**YOUR OBJECTIVE:**
Among the entries that follow, some lines contain the word "IFCLOCALPLACEMENT". Show all of them.

**** MATERIAL PROVIDED ****

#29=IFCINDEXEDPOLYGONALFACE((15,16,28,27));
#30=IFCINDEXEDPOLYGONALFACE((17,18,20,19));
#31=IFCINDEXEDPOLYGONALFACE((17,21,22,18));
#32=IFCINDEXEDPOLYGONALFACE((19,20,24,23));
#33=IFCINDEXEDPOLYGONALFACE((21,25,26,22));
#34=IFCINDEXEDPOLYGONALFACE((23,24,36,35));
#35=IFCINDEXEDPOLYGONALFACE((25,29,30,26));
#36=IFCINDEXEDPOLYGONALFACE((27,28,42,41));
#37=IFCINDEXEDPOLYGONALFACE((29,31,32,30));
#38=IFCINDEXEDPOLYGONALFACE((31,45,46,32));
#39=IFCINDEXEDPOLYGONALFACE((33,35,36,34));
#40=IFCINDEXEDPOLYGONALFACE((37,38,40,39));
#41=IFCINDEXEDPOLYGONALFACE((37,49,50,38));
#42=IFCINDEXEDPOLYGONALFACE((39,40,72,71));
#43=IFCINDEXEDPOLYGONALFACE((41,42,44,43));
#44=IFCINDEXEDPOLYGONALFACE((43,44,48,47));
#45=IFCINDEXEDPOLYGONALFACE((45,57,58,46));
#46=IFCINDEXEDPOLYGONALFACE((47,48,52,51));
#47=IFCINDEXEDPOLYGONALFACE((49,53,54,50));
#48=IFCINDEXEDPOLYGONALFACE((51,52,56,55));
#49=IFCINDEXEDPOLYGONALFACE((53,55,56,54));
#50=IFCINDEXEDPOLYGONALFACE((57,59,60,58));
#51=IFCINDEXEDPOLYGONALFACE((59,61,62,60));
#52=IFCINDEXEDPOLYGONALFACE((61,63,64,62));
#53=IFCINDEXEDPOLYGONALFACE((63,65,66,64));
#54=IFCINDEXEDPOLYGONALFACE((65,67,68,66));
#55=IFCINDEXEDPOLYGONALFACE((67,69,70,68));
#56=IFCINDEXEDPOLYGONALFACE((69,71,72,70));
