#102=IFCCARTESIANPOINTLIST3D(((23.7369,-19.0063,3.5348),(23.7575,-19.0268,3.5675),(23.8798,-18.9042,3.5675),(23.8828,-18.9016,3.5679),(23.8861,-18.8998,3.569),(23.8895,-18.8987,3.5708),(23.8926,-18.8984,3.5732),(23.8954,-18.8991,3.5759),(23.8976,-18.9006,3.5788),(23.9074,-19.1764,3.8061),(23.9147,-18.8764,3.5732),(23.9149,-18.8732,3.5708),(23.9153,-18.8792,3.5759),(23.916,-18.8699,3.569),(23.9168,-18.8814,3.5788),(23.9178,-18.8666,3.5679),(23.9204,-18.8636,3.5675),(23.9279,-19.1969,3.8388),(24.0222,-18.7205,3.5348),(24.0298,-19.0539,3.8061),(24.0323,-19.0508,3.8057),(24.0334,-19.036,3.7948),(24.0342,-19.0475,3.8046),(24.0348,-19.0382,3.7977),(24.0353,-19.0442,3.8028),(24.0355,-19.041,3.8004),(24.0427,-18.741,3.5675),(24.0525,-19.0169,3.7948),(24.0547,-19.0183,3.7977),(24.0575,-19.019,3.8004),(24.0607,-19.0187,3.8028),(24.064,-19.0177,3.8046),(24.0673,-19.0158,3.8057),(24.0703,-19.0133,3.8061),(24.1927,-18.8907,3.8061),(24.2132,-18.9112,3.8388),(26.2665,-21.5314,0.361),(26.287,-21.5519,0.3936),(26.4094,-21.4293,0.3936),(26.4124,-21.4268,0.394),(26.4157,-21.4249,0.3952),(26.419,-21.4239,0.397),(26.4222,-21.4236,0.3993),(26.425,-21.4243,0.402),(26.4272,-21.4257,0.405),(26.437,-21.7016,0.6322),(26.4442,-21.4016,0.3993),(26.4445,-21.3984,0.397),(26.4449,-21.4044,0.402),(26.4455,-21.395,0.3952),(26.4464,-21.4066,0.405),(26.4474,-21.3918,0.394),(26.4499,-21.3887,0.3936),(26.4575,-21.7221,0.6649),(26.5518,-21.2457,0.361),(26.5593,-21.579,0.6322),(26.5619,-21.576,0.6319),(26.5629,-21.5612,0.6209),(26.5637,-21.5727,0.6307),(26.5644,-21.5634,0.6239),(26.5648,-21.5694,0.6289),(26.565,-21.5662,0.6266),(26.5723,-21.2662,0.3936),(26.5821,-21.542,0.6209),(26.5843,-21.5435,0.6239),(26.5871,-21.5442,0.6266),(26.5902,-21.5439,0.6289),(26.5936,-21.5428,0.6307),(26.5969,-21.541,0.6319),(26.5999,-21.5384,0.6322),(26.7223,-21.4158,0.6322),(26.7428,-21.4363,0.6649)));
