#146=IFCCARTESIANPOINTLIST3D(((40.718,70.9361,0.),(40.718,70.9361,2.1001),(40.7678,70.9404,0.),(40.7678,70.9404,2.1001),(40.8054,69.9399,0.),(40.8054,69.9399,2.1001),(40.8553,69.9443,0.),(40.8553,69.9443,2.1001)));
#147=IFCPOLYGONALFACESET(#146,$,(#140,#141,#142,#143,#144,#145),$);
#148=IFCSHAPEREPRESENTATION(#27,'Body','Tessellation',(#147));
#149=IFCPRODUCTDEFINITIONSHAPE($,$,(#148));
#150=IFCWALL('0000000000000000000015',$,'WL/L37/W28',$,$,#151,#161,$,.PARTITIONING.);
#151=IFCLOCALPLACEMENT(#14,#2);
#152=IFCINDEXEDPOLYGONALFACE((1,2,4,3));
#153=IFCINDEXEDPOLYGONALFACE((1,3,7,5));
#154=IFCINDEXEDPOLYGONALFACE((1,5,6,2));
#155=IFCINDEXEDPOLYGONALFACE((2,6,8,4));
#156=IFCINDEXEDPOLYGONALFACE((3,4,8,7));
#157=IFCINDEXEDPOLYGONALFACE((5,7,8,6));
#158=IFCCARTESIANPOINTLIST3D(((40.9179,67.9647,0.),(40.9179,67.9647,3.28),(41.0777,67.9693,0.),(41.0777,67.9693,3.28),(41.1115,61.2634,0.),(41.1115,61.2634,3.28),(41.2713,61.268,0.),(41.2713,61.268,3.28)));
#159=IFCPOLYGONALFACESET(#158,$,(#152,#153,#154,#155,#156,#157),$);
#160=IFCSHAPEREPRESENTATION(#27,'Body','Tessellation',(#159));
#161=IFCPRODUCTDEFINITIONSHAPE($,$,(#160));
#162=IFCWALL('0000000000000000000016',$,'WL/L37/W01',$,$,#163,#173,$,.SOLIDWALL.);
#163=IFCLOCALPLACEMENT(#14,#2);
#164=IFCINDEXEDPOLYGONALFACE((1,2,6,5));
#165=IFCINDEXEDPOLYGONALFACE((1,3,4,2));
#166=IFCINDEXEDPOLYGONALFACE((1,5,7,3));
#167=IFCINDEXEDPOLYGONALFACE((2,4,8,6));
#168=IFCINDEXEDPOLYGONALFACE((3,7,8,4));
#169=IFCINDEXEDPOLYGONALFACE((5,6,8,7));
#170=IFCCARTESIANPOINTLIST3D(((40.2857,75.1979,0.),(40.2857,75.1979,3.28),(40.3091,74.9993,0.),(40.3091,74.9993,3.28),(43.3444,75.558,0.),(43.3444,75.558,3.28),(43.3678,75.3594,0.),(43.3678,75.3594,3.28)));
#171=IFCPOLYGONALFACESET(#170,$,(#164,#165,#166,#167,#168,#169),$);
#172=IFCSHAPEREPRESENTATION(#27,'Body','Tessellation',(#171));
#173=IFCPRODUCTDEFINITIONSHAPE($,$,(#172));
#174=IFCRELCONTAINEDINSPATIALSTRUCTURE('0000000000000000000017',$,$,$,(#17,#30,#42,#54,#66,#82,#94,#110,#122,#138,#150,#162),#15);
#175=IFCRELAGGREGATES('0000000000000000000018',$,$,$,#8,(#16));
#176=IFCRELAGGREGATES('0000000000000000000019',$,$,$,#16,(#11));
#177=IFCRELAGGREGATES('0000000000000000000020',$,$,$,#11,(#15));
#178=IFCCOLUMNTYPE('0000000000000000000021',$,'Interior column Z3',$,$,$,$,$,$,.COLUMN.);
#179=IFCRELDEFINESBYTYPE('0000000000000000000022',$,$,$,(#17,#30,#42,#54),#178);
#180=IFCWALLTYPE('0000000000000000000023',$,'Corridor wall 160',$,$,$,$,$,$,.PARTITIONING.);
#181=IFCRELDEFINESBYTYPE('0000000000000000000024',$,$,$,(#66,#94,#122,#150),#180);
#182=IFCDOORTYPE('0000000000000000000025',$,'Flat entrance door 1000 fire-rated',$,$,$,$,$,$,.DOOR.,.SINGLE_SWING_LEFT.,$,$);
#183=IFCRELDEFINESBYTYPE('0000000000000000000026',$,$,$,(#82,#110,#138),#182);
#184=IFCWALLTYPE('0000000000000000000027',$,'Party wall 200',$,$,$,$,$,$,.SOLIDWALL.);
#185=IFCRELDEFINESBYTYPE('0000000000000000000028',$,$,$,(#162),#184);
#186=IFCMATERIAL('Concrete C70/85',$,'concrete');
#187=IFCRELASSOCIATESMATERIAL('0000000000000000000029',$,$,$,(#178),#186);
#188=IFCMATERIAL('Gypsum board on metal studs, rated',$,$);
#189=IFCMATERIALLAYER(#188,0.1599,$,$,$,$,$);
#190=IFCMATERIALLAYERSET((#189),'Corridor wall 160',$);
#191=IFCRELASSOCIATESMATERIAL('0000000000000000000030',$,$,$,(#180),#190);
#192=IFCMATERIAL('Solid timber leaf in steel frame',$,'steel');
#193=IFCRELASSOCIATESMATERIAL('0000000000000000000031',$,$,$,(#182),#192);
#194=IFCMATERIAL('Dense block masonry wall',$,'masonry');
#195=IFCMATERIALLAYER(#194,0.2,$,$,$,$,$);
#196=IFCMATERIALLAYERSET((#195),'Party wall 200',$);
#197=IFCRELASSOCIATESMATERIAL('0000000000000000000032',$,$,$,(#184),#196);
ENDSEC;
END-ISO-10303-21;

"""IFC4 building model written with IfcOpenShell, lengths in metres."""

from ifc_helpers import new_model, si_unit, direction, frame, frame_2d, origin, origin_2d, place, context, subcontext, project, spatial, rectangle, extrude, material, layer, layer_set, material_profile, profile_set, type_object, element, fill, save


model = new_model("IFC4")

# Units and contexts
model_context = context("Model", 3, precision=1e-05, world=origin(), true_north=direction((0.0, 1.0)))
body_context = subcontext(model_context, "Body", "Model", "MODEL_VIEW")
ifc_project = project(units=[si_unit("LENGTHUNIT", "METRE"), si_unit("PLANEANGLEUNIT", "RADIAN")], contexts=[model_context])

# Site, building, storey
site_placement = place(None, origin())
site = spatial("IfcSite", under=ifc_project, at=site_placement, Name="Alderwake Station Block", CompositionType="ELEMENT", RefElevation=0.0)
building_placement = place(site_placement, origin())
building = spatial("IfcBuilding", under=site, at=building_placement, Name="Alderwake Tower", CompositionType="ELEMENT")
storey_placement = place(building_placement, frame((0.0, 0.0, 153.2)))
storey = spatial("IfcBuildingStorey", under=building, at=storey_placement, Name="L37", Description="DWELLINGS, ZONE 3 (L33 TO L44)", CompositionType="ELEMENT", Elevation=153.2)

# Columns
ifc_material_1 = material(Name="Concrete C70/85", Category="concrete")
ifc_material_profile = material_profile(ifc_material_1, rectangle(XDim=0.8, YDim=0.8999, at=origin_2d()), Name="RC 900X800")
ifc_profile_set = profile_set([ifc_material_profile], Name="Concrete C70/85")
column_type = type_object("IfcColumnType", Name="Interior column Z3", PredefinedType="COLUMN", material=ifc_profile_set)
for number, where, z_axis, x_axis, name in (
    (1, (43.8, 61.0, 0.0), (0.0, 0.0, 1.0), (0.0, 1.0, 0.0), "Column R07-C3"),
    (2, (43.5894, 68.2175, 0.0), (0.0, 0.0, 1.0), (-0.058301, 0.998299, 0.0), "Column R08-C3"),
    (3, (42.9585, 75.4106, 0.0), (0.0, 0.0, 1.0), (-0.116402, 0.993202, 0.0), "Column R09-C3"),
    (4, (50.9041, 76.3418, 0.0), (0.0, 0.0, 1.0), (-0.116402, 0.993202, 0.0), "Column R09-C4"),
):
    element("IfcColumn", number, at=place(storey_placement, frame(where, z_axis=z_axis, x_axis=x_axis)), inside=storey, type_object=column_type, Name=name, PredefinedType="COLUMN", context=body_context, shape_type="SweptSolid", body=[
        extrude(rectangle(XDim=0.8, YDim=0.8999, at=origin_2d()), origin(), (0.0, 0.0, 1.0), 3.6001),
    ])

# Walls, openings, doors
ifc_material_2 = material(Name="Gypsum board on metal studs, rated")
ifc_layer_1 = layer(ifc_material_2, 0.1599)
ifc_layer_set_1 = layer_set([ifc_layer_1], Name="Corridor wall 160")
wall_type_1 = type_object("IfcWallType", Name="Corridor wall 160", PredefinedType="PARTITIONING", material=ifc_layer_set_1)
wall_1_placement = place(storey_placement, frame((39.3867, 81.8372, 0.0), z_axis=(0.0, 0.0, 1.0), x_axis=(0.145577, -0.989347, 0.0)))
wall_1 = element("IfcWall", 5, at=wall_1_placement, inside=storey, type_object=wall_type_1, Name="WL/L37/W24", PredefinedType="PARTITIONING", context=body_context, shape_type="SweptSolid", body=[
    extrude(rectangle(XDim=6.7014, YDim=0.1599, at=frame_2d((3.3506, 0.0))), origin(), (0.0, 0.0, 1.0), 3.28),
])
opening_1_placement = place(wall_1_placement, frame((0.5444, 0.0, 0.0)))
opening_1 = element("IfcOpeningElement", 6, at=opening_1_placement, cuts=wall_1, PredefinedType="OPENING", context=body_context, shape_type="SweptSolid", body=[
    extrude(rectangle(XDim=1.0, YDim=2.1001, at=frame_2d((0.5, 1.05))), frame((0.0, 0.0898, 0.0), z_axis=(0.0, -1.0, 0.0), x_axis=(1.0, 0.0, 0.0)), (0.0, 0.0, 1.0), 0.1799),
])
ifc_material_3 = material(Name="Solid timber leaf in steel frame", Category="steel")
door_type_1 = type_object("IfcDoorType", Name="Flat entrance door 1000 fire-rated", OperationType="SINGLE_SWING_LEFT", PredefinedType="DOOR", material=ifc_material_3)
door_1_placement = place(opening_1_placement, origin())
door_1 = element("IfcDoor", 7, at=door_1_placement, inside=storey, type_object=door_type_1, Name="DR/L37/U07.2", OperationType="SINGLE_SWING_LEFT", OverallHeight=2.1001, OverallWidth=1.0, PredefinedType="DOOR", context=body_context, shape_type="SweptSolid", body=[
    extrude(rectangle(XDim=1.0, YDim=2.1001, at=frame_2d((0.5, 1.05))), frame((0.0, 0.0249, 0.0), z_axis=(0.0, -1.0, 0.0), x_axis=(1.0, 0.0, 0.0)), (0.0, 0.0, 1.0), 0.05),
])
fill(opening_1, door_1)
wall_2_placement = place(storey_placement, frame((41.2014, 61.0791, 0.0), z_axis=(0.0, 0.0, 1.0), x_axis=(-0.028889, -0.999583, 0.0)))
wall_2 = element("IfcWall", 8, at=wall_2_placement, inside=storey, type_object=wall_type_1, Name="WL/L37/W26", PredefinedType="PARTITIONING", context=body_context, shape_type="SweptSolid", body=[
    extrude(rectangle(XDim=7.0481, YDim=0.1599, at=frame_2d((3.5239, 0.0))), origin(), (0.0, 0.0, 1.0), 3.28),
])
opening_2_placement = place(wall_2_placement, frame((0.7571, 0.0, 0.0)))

****

**WRITTEN RESPONSE:**
#151=IFCLOCALPLACEMENT(#14,#2);
#163=IFCLOCALPLACEMENT(#14,#2);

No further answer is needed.